Try it:
In the data below, find every line with the word "Name" and copy it out.

Dataset entries:
□ □ □ □

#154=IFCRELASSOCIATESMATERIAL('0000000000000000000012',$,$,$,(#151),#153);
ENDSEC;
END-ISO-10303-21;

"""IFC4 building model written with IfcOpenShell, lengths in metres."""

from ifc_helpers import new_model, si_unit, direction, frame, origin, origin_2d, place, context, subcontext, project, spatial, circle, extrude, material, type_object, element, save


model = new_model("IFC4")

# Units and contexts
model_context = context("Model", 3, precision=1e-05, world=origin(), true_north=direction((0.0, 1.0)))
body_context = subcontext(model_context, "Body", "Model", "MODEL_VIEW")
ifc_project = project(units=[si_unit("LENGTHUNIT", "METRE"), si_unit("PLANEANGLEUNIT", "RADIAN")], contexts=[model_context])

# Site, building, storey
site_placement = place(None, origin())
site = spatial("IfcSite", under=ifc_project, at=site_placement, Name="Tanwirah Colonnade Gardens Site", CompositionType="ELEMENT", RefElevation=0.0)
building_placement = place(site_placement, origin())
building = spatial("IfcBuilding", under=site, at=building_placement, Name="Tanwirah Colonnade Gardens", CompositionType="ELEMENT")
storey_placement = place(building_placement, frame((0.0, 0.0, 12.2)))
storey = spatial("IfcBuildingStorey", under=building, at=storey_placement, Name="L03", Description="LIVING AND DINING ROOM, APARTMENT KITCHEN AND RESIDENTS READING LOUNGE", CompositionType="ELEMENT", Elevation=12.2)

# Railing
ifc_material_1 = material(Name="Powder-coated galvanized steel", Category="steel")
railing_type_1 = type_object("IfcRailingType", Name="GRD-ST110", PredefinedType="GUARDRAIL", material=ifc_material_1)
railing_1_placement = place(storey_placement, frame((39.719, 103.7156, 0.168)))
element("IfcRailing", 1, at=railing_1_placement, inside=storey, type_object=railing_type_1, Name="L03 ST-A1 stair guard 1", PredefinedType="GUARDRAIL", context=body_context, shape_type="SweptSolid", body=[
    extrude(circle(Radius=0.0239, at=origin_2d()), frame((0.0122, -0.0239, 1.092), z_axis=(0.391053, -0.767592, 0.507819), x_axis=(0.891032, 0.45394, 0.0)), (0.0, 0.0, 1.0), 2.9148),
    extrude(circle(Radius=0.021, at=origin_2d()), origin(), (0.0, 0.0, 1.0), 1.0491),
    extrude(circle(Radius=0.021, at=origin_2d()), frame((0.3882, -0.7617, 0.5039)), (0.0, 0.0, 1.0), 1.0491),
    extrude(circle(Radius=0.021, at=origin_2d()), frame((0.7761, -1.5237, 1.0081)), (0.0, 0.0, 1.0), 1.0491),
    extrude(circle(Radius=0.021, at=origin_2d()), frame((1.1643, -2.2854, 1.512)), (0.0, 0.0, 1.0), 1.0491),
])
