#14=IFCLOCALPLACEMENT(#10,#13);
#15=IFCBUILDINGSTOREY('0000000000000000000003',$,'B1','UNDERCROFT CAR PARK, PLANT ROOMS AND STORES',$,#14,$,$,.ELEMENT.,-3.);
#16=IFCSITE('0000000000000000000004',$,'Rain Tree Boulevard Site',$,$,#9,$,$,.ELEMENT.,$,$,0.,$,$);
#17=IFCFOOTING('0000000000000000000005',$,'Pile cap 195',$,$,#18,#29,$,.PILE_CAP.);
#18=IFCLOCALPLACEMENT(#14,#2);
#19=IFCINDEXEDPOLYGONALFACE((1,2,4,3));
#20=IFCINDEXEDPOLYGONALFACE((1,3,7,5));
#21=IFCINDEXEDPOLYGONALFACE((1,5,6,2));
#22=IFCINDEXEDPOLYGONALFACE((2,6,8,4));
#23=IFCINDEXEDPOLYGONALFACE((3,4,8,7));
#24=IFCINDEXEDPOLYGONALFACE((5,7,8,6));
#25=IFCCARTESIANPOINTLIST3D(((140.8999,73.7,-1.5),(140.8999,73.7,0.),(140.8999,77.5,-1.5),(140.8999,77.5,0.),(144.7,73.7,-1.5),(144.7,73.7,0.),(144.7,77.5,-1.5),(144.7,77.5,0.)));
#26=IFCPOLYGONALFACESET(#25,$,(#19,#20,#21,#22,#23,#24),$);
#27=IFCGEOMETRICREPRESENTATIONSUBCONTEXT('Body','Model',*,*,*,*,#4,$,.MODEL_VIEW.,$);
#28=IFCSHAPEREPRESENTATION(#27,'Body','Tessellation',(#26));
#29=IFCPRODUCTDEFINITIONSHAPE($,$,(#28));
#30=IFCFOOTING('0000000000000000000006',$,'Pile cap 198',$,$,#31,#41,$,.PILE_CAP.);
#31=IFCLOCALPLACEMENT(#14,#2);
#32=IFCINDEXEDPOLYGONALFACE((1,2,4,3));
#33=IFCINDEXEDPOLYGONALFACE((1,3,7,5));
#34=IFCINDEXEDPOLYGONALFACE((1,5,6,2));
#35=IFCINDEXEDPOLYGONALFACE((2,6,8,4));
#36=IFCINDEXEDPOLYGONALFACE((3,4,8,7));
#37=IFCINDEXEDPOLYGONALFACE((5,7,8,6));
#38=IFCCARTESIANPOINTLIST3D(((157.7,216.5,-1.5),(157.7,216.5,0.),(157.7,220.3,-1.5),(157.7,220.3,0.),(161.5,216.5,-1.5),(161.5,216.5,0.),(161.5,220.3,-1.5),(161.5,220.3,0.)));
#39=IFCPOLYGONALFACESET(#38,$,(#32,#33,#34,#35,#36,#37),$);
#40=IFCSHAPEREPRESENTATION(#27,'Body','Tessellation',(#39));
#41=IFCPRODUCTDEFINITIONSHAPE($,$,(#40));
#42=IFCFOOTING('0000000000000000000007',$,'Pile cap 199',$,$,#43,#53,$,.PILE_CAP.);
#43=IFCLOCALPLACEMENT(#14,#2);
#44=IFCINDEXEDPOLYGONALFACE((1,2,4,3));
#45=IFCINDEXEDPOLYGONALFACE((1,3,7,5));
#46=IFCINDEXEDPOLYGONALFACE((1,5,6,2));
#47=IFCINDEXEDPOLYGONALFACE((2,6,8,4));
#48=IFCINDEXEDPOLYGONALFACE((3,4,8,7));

□ □ □ □

Task solution:
site = spatial("IfcSite", under=ifc_project, at=site_placement, Name="Tanwirah Colonnade Gardens Site", CompositionType="ELEMENT", RefElevation=0.0)
building = spatial("IfcBuilding", under=site, at=building_placement, Name="Tanwirah Colonnade Gardens", CompositionType="ELEMENT")
storey = spatial("IfcBuildingStorey", under=building, at=storey_placement, Name="L03", Description="LIVING AND DINING ROOM, APARTMENT KITCHEN AND RESIDENTS READING LOUNGE", CompositionType="ELEMENT", Elevation=12.2)
ifc_material_1 = material(Name="Powder-coated galvanized steel", Category="steel")
railing_type_1 = type_object("IfcRailingType", Name="GRD-ST110", PredefinedType="GUARDRAIL", material=ifc_material_1)
element("IfcRailing", 1, at=railing_1_placement, inside=storey, type_object=railing_type_1, Name="L03 ST-A1 stair guard 1", PredefinedType="GUARDRAIL", context=body_context, shape_type="SweptSolid", body=[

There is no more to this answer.